[Stored data entries]
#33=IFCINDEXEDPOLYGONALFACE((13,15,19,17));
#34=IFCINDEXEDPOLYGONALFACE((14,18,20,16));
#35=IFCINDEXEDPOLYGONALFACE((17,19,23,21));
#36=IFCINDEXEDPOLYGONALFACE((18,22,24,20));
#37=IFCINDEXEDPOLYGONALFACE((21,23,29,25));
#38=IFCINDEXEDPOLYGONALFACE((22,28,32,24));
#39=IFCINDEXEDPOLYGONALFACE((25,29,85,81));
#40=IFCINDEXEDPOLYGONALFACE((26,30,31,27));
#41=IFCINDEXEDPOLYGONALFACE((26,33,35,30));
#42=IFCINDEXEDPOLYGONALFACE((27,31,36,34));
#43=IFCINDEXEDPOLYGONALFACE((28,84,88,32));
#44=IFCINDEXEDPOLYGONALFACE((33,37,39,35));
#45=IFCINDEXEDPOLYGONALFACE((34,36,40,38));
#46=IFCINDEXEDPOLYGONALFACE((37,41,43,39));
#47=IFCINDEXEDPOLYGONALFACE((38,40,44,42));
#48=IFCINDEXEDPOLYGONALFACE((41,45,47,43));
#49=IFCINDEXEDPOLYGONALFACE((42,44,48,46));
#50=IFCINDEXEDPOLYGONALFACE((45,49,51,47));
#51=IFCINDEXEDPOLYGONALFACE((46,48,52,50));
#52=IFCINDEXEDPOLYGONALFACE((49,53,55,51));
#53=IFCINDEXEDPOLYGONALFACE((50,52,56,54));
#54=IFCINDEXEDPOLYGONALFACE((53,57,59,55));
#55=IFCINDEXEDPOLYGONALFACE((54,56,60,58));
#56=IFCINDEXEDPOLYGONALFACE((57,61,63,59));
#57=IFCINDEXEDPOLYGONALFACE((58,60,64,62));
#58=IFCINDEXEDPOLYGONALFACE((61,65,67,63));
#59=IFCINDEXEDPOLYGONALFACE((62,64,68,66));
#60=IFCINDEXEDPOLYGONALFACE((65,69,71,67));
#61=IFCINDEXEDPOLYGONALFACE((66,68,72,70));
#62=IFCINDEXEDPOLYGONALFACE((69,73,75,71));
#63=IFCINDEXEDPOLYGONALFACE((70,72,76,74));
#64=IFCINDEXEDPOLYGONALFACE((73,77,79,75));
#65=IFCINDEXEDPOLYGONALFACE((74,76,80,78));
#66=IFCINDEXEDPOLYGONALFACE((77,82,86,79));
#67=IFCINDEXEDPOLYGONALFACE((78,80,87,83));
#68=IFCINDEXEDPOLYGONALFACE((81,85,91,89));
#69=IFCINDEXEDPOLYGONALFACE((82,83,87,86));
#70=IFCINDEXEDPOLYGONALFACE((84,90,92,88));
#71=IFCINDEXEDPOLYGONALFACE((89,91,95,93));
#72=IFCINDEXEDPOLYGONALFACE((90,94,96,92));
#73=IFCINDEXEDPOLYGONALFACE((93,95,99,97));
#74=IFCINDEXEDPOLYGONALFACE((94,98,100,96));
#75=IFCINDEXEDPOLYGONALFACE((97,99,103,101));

Task details: Exactly as written, give the line containing "#45=IFCINDEXEDPOLYGONALFACE((34,36,40,38));" and all remaining lines of the records.

Answer box:
#45=IFCINDEXEDPOLYGONALFACE((34,36,40,38));
#46=IFCINDEXEDPOLYGONALFACE((37,41,43,39));
#47=IFCINDEXEDPOLYGONALFACE((38,40,44,42));
#48=IFCINDEXEDPOLYGONALFACE((41,45,47,43));
#49=IFCINDEXEDPOLYGONALFACE((42,44,48,46));
#50=IFCINDEXEDPOLYGONALFACE((45,49,51,47));
#51=IFCINDEXEDPOLYGONALFACE((46,48,52,50));
#52=IFCINDEXEDPOLYGONALFACE((49,53,55,51));
#53=IFCINDEXEDPOLYGONALFACE((50,52,56,54));
#54=IFCINDEXEDPOLYGONALFACE((53,57,59,55));
#55=IFCINDEXEDPOLYGONALFACE((54,56,60,58));
#56=IFCINDEXEDPOLYGONALFACE((57,61,63,59));
#57=IFCINDEXEDPOLYGONALFACE((58,60,64,62));
#58=IFCINDEXEDPOLYGONALFACE((61,65,67,63));
#59=IFCINDEXEDPOLYGONALFACE((62,64,68,66));
#60=IFCINDEXEDPOLYGONALFACE((65,69,71,67));
#61=IFCINDEXEDPOLYGONALFACE((66,68,72,70));
#62=IFCINDEXEDPOLYGONALFACE((69,73,75,71));
#63=IFCINDEXEDPOLYGONALFACE((70,72,76,74));
#64=IFCINDEXEDPOLYGONALFACE((73,77,79,75));
#65=IFCINDEXEDPOLYGONALFACE((74,76,80,78));
#66=IFCINDEXEDPOLYGONALFACE((77,82,86,79));
#67=IFCINDEXEDPOLYGONALFACE((78,80,87,83));
#68=IFCINDEXEDPOLYGONALFACE((81,85,91,89));
#69=IFCINDEXEDPOLYGONALFACE((82,83,87,86));
#70=IFCINDEXEDPOLYGONALFACE((84,90,92,88));
#71=IFCINDEXEDPOLYGONALFACE((89,91,95,93));
#72=IFCINDEXEDPOLYGONALFACE((90,94,96,92));
#73=IFCINDEXEDPOLYGONALFACE((93,95,99,97));
#74=IFCINDEXEDPOLYGONALFACE((94,98,100,96));
#75=IFCINDEXEDPOLYGONALFACE((97,99,103,101));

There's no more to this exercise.